--- RECORD EXTRACTS ---
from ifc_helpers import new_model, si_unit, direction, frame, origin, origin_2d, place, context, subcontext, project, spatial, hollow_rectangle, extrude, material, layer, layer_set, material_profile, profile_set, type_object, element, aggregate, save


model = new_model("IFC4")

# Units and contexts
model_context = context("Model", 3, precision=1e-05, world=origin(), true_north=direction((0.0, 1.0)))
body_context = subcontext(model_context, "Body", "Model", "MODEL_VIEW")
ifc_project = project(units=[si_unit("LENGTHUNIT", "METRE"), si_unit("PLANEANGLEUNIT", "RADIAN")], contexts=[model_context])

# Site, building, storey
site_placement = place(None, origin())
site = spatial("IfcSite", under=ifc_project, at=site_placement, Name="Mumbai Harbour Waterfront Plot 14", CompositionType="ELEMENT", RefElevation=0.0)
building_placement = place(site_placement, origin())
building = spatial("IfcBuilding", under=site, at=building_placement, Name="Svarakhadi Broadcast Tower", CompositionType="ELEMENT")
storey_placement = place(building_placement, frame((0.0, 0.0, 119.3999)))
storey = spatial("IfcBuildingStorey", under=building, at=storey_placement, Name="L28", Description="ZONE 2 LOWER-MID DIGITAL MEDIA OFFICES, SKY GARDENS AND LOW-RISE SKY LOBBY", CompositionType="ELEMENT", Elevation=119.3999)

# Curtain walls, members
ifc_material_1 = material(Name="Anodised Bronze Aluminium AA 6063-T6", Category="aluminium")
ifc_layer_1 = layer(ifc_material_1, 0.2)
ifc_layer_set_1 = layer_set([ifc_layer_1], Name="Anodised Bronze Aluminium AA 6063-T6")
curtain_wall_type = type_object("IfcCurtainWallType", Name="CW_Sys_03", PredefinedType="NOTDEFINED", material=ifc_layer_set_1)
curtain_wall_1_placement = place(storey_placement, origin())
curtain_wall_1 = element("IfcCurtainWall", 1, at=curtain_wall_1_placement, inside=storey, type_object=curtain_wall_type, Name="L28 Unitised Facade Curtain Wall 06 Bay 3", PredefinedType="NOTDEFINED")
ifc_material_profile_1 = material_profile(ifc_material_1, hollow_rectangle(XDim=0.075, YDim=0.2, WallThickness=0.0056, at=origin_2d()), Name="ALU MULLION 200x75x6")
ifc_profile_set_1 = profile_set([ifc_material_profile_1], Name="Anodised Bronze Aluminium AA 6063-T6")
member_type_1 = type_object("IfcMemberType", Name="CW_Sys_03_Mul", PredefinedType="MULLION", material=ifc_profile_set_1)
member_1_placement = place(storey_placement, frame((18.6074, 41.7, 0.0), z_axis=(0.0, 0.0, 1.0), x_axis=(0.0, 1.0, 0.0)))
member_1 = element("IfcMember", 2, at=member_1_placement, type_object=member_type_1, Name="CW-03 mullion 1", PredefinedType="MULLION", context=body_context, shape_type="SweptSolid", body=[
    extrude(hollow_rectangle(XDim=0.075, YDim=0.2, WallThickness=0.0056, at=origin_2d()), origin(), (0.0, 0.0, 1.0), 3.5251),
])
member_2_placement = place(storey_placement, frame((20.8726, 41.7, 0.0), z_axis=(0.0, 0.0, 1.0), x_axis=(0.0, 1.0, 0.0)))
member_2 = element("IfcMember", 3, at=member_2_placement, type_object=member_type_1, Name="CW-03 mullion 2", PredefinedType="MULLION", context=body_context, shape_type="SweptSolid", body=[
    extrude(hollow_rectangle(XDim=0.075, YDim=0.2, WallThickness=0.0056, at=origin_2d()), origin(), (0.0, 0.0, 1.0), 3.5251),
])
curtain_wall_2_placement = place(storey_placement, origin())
...
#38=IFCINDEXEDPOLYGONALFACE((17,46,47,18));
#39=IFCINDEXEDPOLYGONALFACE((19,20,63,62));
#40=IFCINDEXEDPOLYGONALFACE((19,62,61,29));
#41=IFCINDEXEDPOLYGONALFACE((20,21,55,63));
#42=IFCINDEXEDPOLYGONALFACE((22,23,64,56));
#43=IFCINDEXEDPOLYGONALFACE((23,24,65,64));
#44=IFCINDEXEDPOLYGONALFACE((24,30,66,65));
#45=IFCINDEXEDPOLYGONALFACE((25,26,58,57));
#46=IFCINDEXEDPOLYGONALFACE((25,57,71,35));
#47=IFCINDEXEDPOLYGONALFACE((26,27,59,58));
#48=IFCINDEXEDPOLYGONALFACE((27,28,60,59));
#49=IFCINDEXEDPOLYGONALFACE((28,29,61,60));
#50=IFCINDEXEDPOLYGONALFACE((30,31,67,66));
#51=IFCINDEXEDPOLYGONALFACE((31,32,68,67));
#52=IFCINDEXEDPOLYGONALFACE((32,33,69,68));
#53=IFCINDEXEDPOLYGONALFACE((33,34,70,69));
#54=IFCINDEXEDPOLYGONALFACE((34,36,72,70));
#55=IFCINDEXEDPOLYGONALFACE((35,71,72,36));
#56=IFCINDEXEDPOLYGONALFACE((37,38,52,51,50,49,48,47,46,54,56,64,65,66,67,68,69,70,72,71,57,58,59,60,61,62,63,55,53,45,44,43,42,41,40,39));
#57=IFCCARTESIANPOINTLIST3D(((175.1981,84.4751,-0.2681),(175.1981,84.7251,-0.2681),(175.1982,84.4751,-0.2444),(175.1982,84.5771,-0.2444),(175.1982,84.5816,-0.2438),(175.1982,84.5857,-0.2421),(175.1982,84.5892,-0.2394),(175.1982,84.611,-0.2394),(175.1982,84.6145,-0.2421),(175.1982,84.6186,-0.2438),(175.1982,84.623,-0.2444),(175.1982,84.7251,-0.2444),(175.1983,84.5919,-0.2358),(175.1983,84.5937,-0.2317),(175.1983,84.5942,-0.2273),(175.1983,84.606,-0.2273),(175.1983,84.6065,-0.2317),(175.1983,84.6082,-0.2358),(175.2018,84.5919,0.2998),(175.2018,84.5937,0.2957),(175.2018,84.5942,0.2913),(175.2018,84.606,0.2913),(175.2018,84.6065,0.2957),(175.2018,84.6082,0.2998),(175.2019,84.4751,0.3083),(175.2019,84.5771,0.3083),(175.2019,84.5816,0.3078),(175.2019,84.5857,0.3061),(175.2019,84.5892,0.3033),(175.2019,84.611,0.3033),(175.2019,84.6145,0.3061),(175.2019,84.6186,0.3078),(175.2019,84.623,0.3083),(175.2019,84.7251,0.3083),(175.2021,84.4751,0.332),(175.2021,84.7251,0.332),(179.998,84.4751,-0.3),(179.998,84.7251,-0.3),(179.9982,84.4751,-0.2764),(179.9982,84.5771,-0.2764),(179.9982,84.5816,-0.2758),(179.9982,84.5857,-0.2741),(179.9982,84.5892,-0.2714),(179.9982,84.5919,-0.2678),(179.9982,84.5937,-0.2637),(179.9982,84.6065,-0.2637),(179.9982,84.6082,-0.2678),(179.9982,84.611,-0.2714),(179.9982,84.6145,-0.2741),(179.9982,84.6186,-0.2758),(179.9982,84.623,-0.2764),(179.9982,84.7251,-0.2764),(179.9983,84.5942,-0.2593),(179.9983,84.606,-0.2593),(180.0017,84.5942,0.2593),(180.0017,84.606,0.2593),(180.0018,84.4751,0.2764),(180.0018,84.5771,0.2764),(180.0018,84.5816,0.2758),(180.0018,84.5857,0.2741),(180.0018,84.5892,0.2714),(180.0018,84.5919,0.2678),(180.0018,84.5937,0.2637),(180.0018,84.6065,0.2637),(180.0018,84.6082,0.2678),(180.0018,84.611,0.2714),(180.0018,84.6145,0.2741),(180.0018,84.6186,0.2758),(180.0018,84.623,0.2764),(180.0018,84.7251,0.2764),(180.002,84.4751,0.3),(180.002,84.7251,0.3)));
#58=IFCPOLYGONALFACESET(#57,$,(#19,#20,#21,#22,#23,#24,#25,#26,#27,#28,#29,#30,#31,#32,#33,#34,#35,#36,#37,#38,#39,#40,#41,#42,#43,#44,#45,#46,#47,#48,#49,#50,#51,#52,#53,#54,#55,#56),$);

--- WHAT YOU HAVE TO DO ---
Examine the records and report how many lines contain the string "MULLION". Only the number should be given.

--- OUTPUT FOR THIS TASK ---
4